§ Source data:
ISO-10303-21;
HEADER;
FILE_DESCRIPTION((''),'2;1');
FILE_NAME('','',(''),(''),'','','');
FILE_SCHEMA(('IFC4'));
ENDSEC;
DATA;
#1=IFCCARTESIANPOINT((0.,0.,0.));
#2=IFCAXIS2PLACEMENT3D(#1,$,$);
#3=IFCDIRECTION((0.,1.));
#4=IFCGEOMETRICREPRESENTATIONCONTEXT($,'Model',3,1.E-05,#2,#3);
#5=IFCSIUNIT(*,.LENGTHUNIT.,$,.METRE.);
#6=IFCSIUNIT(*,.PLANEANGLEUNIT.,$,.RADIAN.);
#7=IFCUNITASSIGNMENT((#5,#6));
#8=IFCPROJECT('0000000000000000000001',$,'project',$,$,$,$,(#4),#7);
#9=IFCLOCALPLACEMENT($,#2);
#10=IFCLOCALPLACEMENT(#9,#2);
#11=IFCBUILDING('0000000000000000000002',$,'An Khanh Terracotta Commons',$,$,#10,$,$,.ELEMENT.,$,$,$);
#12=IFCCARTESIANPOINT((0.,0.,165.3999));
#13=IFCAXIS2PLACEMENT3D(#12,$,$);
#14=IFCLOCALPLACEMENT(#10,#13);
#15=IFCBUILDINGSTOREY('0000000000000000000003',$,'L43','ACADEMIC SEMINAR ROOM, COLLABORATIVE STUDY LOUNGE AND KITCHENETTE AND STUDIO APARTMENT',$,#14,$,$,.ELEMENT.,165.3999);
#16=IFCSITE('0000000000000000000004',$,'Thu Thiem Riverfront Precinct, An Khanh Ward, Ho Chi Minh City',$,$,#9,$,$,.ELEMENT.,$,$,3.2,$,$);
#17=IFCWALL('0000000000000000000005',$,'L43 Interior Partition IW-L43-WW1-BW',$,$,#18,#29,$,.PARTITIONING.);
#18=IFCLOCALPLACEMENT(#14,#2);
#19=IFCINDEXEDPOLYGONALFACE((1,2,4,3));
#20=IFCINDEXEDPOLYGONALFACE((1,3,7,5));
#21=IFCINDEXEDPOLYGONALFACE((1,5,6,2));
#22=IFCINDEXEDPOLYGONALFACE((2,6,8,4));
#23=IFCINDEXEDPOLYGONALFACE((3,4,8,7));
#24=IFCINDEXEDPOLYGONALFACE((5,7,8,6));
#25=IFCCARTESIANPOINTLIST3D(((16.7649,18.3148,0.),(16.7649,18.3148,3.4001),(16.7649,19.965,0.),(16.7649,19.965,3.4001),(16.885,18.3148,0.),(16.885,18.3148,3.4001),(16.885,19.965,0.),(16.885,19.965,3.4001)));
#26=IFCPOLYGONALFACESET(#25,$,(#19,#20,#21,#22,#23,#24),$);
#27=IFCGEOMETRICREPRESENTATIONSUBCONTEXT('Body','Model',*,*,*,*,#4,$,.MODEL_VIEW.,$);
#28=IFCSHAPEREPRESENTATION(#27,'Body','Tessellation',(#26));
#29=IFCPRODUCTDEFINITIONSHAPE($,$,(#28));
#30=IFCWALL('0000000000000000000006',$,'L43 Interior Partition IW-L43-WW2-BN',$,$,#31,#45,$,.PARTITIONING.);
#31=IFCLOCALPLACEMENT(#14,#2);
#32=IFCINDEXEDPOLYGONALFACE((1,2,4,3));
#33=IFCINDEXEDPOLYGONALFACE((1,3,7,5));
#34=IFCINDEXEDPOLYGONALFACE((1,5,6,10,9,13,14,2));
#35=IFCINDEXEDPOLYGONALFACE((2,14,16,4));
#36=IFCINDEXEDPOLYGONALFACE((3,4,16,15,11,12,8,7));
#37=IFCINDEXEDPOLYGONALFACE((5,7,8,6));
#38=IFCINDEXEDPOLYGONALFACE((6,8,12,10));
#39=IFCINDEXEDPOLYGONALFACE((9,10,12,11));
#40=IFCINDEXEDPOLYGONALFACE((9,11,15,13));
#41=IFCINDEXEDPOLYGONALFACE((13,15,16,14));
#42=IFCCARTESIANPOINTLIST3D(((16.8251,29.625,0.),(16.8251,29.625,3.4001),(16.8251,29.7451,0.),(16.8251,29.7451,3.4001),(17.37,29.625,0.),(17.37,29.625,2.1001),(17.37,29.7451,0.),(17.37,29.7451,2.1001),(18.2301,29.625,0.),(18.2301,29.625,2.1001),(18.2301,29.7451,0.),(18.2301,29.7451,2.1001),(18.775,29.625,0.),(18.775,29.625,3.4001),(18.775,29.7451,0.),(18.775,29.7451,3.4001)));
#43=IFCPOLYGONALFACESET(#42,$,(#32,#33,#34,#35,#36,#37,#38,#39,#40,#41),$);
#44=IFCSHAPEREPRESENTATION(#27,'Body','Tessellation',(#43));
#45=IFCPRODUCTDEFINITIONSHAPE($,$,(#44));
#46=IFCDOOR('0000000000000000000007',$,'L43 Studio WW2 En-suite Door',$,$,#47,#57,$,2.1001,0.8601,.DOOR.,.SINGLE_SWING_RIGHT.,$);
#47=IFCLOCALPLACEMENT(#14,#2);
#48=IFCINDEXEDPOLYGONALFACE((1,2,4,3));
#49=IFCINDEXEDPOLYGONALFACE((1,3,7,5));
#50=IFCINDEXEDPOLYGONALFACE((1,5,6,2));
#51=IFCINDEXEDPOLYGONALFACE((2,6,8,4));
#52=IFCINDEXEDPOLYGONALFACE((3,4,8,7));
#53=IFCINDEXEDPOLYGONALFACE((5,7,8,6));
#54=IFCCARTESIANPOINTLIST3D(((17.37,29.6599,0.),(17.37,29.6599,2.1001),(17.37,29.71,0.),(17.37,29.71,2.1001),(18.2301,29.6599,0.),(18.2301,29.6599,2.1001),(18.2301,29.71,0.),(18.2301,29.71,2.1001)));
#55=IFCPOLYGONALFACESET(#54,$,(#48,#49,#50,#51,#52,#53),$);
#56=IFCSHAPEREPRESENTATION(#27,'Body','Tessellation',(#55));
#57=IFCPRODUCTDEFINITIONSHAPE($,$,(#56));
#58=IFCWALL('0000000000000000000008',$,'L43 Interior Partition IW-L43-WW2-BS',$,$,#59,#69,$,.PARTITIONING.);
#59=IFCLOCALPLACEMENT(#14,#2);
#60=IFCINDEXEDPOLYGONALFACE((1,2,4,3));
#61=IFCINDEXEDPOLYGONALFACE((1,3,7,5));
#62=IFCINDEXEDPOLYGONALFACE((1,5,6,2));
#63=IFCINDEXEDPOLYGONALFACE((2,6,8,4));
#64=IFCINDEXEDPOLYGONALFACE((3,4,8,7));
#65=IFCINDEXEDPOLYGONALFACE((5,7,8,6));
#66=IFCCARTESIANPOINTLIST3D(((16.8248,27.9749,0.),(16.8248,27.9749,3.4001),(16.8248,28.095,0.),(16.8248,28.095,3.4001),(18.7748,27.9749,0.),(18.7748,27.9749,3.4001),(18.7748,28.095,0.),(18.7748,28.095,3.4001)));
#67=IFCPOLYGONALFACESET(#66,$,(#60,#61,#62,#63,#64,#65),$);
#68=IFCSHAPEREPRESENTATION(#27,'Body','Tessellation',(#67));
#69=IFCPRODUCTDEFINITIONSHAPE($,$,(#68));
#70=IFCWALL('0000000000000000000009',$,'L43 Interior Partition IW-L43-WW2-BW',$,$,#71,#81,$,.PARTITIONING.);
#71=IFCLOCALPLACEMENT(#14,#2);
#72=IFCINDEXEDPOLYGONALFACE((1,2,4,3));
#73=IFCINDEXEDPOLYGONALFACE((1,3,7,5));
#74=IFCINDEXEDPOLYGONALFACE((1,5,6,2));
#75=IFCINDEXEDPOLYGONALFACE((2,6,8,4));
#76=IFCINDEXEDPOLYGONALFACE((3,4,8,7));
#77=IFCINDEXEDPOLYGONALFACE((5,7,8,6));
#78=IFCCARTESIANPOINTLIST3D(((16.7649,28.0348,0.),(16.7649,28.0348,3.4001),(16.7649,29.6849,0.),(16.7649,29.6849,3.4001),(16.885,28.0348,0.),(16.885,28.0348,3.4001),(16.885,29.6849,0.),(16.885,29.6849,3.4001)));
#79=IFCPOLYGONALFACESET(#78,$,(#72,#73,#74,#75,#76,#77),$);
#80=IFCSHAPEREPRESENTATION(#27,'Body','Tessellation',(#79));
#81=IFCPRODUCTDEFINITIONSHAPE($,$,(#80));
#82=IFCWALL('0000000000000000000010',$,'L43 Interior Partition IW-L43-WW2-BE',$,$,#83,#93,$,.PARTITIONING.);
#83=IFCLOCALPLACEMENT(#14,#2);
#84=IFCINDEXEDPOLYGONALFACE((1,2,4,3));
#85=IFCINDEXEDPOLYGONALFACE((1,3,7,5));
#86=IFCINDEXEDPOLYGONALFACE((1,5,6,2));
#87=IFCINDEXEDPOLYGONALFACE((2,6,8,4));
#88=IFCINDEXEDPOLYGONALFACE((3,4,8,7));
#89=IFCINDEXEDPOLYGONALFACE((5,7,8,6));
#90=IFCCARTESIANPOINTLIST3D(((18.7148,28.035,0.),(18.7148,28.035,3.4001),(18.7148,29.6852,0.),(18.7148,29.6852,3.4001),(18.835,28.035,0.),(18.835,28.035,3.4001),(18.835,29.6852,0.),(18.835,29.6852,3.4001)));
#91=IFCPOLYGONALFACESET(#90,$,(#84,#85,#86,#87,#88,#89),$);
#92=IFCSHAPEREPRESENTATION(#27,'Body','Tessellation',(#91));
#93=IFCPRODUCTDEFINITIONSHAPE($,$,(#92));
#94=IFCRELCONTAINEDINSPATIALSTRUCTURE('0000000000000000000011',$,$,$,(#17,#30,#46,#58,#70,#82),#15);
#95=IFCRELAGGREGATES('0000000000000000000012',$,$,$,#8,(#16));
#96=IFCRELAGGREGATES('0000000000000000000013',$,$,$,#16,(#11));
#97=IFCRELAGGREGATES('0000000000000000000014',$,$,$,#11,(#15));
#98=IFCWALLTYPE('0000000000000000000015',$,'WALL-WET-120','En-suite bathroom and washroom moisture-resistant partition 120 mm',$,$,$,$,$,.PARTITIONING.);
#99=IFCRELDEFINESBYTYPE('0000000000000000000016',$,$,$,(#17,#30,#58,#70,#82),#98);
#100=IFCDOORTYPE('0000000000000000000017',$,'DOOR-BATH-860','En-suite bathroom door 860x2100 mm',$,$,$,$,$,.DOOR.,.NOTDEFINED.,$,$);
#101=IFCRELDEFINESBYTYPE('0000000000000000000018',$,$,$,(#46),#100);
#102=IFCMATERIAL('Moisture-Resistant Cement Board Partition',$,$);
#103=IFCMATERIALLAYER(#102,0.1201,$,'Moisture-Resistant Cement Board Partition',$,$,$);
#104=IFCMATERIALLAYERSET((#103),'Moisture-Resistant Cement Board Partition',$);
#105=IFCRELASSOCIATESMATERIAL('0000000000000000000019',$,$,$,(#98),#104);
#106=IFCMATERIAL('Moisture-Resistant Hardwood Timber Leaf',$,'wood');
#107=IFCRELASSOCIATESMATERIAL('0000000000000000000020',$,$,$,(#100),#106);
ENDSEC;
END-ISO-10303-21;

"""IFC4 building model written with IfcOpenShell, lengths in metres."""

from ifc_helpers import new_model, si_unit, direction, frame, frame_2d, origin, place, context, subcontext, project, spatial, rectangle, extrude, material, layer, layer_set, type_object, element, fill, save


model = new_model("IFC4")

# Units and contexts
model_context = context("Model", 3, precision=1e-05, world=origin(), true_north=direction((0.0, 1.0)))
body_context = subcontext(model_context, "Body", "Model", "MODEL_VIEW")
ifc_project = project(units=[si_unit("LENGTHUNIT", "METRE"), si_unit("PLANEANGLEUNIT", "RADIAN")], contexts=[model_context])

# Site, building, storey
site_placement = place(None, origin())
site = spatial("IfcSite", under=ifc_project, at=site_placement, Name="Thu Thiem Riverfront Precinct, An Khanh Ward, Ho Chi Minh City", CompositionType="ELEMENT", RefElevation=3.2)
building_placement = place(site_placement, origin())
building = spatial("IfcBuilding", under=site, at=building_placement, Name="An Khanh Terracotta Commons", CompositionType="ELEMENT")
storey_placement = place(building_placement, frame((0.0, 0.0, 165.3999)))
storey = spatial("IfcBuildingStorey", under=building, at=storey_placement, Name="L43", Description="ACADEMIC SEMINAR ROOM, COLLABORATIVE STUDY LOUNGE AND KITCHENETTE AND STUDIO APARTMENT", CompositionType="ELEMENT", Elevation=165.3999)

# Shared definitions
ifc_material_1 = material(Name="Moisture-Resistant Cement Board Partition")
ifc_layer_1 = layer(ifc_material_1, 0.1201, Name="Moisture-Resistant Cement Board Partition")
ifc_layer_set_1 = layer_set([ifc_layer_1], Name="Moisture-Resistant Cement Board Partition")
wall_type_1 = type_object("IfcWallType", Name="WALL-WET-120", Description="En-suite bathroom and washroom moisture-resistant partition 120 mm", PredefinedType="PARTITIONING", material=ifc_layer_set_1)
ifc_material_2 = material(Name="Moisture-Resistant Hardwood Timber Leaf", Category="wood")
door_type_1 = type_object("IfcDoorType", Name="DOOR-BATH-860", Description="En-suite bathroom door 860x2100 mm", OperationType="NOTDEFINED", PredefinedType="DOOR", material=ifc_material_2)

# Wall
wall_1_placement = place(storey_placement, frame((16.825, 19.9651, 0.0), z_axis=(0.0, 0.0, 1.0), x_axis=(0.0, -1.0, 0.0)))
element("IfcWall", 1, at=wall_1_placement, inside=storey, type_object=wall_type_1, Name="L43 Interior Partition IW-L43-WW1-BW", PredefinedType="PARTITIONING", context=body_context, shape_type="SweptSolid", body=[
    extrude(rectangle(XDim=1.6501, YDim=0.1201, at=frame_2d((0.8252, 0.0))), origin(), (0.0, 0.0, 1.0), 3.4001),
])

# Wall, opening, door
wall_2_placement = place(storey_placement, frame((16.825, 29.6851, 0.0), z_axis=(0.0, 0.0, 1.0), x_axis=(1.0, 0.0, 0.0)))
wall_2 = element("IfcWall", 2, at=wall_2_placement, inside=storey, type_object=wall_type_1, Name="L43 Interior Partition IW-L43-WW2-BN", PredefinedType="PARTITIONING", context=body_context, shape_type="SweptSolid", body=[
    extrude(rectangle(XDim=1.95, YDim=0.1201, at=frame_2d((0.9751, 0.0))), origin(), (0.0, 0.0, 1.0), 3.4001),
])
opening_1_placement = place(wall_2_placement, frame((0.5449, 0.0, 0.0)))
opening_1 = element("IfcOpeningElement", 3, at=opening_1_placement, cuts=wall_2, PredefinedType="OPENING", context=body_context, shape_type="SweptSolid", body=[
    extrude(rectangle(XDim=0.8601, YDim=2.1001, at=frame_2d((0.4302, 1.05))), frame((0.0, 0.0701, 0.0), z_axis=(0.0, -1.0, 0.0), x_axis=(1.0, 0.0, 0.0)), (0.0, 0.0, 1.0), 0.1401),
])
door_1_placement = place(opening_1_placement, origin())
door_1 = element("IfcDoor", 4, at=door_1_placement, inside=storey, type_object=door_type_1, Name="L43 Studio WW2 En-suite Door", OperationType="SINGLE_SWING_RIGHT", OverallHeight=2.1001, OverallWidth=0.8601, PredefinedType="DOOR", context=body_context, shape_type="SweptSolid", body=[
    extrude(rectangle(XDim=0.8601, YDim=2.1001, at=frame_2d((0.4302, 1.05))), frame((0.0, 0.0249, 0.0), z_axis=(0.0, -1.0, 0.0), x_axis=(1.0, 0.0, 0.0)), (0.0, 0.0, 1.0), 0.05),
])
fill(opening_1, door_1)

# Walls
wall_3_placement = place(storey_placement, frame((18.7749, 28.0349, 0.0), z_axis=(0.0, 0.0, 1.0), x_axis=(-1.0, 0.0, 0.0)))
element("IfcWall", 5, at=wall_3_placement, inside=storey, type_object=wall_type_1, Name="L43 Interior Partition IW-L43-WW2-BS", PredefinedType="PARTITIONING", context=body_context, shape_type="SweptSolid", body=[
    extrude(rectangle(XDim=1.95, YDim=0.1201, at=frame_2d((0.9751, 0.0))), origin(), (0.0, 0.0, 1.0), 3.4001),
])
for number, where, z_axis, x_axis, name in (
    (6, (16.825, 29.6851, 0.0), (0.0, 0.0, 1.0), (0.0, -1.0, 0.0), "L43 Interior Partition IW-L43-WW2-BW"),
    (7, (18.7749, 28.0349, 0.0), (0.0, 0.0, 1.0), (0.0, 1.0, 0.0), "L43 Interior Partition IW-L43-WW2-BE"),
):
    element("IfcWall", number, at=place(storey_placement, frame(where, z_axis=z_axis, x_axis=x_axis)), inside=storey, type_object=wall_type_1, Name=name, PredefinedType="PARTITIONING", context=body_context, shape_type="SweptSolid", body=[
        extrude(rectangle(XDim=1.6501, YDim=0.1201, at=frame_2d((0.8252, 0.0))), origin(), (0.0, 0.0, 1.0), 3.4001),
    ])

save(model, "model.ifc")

--

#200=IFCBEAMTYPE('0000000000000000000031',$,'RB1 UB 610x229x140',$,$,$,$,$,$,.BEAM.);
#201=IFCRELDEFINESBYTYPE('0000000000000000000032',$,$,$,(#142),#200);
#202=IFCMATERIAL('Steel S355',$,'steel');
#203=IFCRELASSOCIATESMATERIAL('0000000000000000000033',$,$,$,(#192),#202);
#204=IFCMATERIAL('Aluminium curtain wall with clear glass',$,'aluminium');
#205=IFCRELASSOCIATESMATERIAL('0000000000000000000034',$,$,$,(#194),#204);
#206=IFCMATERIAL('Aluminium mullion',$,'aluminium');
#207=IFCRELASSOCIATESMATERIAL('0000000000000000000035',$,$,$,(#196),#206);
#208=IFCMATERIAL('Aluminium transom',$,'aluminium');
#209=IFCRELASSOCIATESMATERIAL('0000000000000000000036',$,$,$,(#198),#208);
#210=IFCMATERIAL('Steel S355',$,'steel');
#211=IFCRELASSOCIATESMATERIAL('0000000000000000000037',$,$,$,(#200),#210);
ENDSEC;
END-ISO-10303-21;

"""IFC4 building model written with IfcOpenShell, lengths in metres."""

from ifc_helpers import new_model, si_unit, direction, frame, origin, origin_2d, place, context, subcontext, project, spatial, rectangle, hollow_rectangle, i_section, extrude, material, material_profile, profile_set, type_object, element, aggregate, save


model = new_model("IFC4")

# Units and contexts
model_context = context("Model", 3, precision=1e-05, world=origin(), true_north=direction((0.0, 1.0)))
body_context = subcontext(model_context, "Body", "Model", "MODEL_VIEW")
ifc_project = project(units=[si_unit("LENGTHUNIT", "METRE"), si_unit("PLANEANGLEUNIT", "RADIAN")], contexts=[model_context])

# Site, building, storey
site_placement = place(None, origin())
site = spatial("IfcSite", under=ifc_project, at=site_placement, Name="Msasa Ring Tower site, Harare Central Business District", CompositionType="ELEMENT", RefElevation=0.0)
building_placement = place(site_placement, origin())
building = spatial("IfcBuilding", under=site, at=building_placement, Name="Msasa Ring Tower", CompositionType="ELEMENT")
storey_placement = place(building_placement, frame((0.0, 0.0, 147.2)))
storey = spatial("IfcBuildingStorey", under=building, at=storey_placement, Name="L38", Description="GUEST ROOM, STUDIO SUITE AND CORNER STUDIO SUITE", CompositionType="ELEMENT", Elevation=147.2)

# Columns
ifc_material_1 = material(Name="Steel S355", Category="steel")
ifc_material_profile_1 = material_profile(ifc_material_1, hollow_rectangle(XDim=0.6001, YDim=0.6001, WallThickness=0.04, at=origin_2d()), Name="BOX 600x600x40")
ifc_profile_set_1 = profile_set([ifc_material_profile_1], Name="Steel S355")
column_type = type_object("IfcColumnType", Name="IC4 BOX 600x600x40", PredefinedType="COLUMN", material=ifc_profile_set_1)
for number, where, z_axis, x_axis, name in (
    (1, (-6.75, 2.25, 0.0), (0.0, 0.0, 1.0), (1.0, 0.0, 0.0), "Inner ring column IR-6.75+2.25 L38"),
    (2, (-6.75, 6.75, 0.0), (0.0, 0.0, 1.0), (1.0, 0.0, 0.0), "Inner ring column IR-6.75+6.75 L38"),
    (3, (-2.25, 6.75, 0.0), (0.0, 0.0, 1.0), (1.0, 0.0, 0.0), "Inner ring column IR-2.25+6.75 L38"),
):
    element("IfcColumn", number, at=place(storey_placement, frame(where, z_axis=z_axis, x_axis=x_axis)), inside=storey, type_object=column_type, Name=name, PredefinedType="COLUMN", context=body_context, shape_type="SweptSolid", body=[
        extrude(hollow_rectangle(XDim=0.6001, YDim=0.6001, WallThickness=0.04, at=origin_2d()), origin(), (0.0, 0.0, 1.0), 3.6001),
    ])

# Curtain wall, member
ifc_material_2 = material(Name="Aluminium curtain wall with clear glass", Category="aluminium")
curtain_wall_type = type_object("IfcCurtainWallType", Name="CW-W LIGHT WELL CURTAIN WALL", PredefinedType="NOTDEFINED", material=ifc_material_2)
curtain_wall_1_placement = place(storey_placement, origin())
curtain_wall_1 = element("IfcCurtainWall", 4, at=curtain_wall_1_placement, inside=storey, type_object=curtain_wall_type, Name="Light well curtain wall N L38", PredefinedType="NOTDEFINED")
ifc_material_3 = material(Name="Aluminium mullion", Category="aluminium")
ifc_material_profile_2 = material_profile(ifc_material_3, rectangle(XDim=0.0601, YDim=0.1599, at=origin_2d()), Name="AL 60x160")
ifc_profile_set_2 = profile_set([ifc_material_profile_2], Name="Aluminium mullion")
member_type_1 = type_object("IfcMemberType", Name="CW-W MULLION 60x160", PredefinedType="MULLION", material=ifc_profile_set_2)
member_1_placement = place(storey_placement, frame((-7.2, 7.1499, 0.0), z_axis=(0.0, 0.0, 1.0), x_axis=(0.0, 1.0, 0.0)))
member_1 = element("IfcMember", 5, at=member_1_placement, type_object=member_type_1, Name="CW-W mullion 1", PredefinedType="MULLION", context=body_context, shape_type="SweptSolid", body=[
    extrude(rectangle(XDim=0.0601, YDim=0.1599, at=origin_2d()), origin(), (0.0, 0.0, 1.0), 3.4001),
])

§ What the task requires: Could you find each line in the entries that contains the string "Steel" and copy it?

§ Result of the task:
#202=IFCMATERIAL('Steel S355',$,'steel');
#210=IFCMATERIAL('Steel S355',$,'steel');
ifc_material_1 = material(Name="Steel S355", Category="steel")
ifc_profile_set_1 = profile_set([ifc_material_profile_1], Name="Steel S355")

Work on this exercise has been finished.